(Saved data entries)
○ ○ ○
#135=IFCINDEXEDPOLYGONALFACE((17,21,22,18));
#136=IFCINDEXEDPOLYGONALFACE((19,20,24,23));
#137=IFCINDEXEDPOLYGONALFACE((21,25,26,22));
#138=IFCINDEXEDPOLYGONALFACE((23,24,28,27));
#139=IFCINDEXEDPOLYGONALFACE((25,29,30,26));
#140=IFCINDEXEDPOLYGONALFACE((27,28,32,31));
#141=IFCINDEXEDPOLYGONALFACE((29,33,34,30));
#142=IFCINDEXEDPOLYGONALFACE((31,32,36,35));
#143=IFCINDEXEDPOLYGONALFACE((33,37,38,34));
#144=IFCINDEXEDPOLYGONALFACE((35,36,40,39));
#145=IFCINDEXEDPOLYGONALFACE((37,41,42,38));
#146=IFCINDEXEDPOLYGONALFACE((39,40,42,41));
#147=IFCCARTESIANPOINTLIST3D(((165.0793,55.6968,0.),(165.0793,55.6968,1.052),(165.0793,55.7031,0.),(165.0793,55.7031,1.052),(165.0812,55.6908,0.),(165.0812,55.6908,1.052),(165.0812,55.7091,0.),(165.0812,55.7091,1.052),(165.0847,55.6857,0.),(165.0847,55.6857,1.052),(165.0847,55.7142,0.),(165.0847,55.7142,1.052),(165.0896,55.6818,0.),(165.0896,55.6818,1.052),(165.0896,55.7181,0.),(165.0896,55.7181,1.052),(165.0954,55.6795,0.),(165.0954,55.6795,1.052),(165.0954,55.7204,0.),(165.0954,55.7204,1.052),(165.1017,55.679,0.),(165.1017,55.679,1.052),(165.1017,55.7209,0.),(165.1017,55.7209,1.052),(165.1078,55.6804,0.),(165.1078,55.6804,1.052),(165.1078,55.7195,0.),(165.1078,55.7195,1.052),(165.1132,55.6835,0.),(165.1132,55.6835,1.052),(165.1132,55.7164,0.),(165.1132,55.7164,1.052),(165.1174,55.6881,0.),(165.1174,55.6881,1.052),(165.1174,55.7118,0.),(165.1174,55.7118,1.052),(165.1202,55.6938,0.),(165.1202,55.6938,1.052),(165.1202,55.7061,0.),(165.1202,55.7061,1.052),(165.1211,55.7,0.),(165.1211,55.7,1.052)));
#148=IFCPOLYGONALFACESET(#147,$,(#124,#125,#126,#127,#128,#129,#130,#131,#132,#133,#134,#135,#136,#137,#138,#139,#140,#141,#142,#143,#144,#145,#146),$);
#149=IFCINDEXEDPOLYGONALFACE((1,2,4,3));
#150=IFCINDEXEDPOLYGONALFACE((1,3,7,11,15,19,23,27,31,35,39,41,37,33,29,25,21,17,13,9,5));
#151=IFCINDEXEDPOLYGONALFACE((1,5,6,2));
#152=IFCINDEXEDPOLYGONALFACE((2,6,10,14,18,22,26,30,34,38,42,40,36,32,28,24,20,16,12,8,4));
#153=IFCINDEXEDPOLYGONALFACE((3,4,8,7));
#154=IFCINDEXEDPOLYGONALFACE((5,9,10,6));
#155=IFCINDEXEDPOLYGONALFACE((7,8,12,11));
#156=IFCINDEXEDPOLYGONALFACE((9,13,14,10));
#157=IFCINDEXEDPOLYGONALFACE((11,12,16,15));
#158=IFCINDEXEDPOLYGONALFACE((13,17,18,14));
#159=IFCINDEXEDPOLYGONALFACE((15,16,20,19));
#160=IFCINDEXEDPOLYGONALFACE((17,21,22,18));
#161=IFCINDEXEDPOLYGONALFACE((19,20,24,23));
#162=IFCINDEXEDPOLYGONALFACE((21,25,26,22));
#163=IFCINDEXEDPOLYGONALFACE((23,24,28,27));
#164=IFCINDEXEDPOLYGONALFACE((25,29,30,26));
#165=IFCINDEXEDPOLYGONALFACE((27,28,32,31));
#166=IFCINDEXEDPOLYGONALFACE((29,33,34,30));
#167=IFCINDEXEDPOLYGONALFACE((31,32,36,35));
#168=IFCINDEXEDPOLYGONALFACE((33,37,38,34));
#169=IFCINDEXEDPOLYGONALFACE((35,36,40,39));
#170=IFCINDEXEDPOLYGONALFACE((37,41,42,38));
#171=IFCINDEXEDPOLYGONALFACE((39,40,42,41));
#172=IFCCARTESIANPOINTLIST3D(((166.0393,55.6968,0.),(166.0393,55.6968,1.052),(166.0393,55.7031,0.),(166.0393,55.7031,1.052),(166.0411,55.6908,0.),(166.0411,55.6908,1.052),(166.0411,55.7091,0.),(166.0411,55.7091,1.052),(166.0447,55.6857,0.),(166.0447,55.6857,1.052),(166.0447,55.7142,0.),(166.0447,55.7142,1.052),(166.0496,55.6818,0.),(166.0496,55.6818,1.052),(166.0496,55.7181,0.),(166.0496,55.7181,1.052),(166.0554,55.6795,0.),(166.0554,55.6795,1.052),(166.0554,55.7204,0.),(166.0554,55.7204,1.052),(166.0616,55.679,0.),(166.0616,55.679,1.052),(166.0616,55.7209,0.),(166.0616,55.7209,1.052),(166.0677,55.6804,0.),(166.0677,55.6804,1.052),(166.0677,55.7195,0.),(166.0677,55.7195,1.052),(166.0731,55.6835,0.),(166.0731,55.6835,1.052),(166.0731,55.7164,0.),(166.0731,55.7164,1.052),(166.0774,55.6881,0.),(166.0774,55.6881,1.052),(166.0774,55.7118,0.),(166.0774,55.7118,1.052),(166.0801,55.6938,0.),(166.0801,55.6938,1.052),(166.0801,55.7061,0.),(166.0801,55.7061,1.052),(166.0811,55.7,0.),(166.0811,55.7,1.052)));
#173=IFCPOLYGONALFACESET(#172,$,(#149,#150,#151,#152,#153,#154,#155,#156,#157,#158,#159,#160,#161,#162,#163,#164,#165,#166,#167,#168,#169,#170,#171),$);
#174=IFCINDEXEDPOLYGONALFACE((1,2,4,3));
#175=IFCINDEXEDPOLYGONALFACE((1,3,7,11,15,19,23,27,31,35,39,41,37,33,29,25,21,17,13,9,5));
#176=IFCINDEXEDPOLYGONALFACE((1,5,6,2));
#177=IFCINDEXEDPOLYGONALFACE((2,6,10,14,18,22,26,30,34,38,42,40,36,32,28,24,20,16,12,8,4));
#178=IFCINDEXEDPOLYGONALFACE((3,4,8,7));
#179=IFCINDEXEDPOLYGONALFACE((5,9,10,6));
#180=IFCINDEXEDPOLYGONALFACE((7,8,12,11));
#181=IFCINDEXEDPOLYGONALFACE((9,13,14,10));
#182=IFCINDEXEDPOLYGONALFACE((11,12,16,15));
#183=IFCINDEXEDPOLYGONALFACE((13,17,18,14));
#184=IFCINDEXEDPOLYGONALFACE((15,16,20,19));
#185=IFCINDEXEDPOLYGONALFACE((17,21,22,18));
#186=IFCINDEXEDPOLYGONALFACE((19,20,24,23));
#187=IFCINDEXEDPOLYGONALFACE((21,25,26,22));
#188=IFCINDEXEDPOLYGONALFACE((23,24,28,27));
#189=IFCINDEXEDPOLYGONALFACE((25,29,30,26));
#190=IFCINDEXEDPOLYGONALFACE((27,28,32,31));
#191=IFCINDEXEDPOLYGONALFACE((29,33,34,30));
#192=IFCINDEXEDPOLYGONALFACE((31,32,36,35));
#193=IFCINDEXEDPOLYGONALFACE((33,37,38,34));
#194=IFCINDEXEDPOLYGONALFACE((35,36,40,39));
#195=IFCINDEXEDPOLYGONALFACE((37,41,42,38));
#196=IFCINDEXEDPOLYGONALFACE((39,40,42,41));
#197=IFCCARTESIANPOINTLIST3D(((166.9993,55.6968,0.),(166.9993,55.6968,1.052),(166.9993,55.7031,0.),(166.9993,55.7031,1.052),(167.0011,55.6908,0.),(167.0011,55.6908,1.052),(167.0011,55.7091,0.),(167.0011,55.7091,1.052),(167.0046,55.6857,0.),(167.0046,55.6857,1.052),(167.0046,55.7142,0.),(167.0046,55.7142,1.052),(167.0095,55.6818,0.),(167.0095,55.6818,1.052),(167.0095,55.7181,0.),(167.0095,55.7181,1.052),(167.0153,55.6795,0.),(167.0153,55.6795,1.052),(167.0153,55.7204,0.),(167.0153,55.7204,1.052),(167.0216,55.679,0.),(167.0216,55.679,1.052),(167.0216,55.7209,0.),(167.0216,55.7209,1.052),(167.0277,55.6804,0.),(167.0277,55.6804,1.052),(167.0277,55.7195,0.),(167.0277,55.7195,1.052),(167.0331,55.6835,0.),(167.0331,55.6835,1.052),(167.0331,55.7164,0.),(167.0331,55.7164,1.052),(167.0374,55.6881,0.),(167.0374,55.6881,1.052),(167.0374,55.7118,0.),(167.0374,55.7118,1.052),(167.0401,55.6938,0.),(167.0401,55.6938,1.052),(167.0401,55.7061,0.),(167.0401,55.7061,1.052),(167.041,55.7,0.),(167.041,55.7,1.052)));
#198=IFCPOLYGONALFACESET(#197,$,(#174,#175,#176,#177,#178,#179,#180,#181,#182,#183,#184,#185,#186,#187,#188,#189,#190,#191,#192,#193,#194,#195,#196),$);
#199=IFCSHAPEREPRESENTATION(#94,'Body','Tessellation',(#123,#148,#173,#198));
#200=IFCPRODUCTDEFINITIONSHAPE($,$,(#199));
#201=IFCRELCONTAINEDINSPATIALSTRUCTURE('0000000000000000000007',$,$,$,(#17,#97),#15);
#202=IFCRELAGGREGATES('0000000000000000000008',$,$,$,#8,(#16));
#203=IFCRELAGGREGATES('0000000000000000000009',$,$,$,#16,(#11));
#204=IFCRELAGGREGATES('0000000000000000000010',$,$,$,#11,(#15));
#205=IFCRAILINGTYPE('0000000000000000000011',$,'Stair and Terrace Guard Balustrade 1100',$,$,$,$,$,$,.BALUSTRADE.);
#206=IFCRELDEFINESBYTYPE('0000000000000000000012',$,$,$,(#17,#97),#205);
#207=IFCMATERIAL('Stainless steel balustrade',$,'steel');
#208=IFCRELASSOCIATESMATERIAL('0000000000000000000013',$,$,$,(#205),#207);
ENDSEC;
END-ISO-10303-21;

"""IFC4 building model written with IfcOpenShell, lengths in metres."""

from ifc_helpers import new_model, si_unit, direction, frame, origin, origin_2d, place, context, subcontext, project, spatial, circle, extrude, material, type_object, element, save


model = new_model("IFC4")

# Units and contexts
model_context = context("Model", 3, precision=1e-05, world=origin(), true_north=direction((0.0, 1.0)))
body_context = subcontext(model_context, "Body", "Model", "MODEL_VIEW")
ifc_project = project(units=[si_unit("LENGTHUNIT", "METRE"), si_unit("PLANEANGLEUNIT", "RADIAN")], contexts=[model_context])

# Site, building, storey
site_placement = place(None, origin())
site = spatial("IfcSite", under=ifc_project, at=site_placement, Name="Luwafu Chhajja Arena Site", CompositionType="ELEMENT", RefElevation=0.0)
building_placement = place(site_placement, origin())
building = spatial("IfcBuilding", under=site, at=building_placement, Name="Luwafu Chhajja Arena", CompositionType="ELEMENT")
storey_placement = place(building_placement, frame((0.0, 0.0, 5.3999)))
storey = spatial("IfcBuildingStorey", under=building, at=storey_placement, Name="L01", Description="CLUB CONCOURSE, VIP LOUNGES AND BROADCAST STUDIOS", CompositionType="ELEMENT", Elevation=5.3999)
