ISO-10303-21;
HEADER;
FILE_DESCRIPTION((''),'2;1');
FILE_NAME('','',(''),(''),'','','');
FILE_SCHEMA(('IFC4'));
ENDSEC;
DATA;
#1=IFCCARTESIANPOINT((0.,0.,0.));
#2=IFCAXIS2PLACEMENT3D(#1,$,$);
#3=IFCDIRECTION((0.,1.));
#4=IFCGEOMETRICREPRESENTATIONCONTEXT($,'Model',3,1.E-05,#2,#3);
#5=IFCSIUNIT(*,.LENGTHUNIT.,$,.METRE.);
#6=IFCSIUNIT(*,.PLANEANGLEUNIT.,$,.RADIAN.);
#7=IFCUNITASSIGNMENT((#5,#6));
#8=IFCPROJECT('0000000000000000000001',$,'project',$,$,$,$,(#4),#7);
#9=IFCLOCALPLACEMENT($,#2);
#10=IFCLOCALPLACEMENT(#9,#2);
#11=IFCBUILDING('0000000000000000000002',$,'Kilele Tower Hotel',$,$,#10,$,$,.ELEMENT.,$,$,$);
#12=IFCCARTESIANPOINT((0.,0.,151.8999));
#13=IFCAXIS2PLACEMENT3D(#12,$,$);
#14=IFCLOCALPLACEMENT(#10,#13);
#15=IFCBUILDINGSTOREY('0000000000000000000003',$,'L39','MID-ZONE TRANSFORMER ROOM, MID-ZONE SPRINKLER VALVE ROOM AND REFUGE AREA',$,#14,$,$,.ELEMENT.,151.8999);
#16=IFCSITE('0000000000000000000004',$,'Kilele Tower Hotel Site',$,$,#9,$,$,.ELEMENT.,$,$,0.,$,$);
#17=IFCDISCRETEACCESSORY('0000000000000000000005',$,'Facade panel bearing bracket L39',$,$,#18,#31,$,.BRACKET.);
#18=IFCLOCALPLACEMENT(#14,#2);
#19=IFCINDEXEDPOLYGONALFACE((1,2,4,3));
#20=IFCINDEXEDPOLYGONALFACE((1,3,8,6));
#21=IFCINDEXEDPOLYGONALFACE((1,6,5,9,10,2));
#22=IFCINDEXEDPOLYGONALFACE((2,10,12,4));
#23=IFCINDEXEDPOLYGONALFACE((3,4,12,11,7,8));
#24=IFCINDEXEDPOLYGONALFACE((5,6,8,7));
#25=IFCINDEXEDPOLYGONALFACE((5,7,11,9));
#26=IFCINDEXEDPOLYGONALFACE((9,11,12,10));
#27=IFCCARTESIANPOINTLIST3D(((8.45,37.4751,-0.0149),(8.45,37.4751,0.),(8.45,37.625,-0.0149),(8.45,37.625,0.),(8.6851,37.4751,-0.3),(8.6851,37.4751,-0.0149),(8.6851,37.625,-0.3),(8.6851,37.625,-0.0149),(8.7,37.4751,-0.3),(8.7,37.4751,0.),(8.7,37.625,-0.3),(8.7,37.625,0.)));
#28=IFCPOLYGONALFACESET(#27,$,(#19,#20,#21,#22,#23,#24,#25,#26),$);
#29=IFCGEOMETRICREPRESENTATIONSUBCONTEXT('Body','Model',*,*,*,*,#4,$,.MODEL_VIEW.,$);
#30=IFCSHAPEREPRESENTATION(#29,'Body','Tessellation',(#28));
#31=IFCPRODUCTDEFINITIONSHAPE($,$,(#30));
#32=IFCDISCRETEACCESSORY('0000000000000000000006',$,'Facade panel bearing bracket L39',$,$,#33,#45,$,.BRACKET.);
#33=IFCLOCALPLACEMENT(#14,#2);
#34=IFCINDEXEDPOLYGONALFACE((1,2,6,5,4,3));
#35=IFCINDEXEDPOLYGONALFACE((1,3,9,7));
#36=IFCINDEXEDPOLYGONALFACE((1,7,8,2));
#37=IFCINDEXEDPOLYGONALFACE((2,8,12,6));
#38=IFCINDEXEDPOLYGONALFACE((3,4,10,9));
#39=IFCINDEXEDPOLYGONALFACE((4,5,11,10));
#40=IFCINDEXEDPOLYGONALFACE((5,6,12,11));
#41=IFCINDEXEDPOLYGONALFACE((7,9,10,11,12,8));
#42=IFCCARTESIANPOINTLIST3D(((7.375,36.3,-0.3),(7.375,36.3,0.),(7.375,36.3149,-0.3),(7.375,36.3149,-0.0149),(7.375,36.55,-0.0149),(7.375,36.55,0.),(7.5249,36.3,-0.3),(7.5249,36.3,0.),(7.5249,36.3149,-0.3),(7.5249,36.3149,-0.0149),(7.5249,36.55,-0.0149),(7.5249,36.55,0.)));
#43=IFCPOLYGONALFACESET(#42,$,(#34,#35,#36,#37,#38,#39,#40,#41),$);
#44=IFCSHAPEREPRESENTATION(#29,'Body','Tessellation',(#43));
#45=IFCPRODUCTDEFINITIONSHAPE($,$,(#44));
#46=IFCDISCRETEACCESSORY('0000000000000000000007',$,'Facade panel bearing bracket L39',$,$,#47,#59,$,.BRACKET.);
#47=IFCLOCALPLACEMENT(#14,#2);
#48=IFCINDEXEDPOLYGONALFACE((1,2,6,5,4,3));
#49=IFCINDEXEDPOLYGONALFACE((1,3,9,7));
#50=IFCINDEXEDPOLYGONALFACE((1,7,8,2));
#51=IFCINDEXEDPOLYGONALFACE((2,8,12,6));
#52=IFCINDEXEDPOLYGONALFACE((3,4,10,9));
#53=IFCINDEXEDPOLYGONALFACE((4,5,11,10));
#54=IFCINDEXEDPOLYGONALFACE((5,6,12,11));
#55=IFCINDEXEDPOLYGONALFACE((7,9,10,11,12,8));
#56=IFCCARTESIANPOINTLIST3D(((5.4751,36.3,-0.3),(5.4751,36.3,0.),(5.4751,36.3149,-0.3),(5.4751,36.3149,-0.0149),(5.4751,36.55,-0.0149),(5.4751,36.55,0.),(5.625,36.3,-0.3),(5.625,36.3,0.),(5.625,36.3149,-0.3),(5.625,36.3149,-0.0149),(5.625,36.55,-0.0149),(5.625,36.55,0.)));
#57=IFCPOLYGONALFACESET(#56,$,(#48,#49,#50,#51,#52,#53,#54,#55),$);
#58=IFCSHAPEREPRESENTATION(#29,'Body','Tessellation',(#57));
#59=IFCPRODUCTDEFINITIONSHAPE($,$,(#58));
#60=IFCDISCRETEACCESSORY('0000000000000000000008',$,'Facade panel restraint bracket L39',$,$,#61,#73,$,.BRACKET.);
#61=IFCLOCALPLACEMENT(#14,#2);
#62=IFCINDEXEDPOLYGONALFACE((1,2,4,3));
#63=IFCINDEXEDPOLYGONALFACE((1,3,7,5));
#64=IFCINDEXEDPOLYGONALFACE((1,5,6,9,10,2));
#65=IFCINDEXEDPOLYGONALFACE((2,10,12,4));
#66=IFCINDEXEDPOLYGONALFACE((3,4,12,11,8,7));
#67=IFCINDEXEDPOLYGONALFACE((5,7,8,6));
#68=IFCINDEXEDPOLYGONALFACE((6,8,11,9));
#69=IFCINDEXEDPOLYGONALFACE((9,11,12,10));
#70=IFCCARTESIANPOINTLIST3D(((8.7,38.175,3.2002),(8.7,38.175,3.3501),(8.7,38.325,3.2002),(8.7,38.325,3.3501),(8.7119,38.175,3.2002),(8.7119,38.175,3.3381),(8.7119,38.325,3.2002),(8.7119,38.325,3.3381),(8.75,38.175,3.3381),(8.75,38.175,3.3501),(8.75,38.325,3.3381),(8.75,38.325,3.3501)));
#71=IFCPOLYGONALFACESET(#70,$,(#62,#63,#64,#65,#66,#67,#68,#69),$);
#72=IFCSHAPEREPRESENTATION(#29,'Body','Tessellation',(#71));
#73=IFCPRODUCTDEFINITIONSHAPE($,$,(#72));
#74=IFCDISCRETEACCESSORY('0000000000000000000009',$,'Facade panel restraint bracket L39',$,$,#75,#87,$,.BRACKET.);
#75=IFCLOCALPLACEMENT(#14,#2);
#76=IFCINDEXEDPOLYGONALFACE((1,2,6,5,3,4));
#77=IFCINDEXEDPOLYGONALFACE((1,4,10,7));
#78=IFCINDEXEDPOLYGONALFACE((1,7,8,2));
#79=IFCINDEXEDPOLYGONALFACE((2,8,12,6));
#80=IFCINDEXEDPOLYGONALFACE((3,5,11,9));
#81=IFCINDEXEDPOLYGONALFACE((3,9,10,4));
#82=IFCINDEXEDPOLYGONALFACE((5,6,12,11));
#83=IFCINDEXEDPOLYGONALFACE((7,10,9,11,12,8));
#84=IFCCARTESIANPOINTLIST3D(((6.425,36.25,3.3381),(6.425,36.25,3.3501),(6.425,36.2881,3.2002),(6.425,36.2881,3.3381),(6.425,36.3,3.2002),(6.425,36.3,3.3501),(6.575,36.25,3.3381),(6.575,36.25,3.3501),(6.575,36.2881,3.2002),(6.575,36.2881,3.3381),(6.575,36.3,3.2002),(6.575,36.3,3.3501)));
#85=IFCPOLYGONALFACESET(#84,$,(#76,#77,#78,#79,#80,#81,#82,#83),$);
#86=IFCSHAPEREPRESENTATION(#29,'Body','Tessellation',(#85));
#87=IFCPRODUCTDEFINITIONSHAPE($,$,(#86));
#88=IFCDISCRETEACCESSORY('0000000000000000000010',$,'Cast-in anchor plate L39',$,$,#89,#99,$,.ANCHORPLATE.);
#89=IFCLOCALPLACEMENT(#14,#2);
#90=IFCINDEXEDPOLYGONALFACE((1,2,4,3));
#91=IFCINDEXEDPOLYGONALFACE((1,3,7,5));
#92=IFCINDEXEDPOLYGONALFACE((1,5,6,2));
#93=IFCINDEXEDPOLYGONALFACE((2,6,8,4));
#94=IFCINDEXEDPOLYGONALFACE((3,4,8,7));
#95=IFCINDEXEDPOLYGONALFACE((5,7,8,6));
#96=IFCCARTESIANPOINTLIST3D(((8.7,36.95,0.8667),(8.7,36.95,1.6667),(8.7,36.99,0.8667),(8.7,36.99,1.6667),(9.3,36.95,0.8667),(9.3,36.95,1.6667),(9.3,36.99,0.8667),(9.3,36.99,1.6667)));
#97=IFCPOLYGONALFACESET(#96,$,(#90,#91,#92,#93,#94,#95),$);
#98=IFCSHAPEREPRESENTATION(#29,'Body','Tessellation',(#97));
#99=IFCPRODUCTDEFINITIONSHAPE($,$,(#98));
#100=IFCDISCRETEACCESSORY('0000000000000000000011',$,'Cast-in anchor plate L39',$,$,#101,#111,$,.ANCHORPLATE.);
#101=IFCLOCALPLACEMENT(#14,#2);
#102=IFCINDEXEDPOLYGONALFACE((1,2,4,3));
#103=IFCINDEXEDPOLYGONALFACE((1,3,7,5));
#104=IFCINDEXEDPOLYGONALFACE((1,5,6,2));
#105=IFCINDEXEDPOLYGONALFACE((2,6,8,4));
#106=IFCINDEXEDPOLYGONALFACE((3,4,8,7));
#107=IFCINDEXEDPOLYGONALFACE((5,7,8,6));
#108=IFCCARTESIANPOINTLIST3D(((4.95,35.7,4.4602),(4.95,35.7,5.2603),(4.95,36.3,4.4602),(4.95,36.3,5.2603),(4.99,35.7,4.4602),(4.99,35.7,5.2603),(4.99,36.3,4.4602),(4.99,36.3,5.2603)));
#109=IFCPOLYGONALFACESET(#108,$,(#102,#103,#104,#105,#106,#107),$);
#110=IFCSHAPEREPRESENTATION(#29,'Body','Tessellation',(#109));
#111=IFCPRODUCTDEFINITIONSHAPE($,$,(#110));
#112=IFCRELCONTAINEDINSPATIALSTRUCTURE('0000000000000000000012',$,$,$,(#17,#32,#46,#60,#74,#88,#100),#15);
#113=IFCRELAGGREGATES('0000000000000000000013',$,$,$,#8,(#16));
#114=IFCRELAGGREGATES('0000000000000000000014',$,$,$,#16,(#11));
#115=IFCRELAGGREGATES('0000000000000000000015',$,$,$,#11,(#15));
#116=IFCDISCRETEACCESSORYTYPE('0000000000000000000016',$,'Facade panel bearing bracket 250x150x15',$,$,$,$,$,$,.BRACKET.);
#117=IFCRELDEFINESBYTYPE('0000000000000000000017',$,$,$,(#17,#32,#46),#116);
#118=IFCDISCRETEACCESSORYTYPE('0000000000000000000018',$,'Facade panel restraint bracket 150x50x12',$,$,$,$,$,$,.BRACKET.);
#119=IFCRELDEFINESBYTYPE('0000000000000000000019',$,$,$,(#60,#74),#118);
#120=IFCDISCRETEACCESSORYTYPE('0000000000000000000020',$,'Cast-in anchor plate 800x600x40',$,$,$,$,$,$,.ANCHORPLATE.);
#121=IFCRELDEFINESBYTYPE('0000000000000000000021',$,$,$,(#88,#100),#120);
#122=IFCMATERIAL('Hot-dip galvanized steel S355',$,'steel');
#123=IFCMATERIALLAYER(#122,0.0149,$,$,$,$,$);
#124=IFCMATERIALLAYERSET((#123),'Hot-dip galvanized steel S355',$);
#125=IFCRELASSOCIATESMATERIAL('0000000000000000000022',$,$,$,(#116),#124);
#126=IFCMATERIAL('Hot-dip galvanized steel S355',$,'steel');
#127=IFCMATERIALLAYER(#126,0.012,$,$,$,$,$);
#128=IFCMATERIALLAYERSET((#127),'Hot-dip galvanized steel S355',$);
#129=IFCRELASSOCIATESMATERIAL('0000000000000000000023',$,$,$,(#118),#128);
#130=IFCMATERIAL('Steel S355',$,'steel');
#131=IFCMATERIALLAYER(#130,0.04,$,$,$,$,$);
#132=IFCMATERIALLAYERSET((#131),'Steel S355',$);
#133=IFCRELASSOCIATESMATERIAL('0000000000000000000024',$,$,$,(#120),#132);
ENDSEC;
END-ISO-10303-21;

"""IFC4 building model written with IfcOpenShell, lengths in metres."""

from ifc_helpers import new_model, si_unit, direction, frame, origin, place, context, subcontext, project, spatial, polyline, outline, extrude, source, transform, mapped, material, layer, layer_set, type_object, element, save


model = new_model("IFC4")

# Units and contexts
model_context = context("Model", 3, precision=1e-05, world=origin(), true_north=direction((0.0, 1.0)))
body_context = subcontext(model_context, "Body", "Model", "MODEL_VIEW")
ifc_project = project(units=[si_unit("LENGTHUNIT", "METRE"), si_unit("PLANEANGLEUNIT", "RADIAN")], contexts=[model_context])

# Site, building, storey
site_placement = place(None, origin())
site = spatial("IfcSite", under=ifc_project, at=site_placement, Name="Kilele Tower Hotel Site", CompositionType="ELEMENT", RefElevation=0.0)
building_placement = place(site_placement, origin())
building = spatial("IfcBuilding", under=site, at=building_placement, Name="Kilele Tower Hotel", CompositionType="ELEMENT")
storey_placement = place(building_placement, frame((0.0, 0.0, 151.8999)))
storey = spatial("IfcBuildingStorey", under=building, at=storey_placement, Name="L39", Description="MID-ZONE TRANSFORMER ROOM, MID-ZONE SPRINKLER VALVE ROOM AND REFUGE AREA", CompositionType="ELEMENT", Elevation=151.8999)

# Discrete accessories
ifc_material_1 = material(Name="Hot-dip galvanized steel S355", Category="steel")
ifc_layer_1 = layer(ifc_material_1, 0.0149)
ifc_layer_set_1 = layer_set([ifc_layer_1], Name="Hot-dip galvanized steel S355")
discrete_accessory_type_1 = type_object("IfcDiscreteAccessoryType", Name="Facade panel bearing bracket 250x150x15", PredefinedType="BRACKET", material=ifc_layer_set_1)
shared_shape_1 = source(origin(), body_context, "Body", "SweptSolid", [
    extrude(outline(polyline([(0.0, 0.0), (0.25, 0.0), (0.25, -0.0149), (0.0149, -0.0149), (0.0149, -0.3), (0.0, -0.3), (0.0, 0.0)])), origin(), (0.0, 0.0, 1.0), 0.1499),
])
for number, where, z_axis, x_axis, name in (
    (1, (8.7, 37.4751, 0.0), (0.0, 1.0, 0.0), (-1.0, 0.0, 0.0), "Facade panel bearing bracket L39"),
    (2, (7.375, 36.3, 0.0), (1.0, 0.0, 0.0), (0.0, 1.0, 0.0), "Facade panel bearing bracket L39"),
    (3, (5.4751, 36.3, 0.0), (1.0, 0.0, 0.0), (0.0, 1.0, 0.0), "Facade panel bearing bracket L39"),
):
    element("IfcDiscreteAccessory", number, at=place(storey_placement, frame(where, z_axis=z_axis, x_axis=x_axis)), inside=storey, type_object=discrete_accessory_type_1, Name=name, PredefinedType="BRACKET", context=body_context, shape_type="MappedRepresentation", body=[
○ ○ ○
## What you have to do
Set down only the lines above that fall between the line holding "#189=IFCINDEXEDPOLYGONALFACE((25,29,30,26));" and the line holding "#196=IFCINDEXEDPOLYGONALFACE((39,40,42,41));", inclusive, keeping each exact.

## Result
#189=IFCINDEXEDPOLYGONALFACE((25,29,30,26));
#190=IFCINDEXEDPOLYGONALFACE((27,28,32,31));
#191=IFCINDEXEDPOLYGONALFACE((29,33,34,30));
#192=IFCINDEXEDPOLYGONALFACE((31,32,36,35));
#193=IFCINDEXEDPOLYGONALFACE((33,37,38,34));
#194=IFCINDEXEDPOLYGONALFACE((35,36,40,39));
#195=IFCINDEXEDPOLYGONALFACE((37,41,42,38));
#196=IFCINDEXEDPOLYGONALFACE((39,40,42,41));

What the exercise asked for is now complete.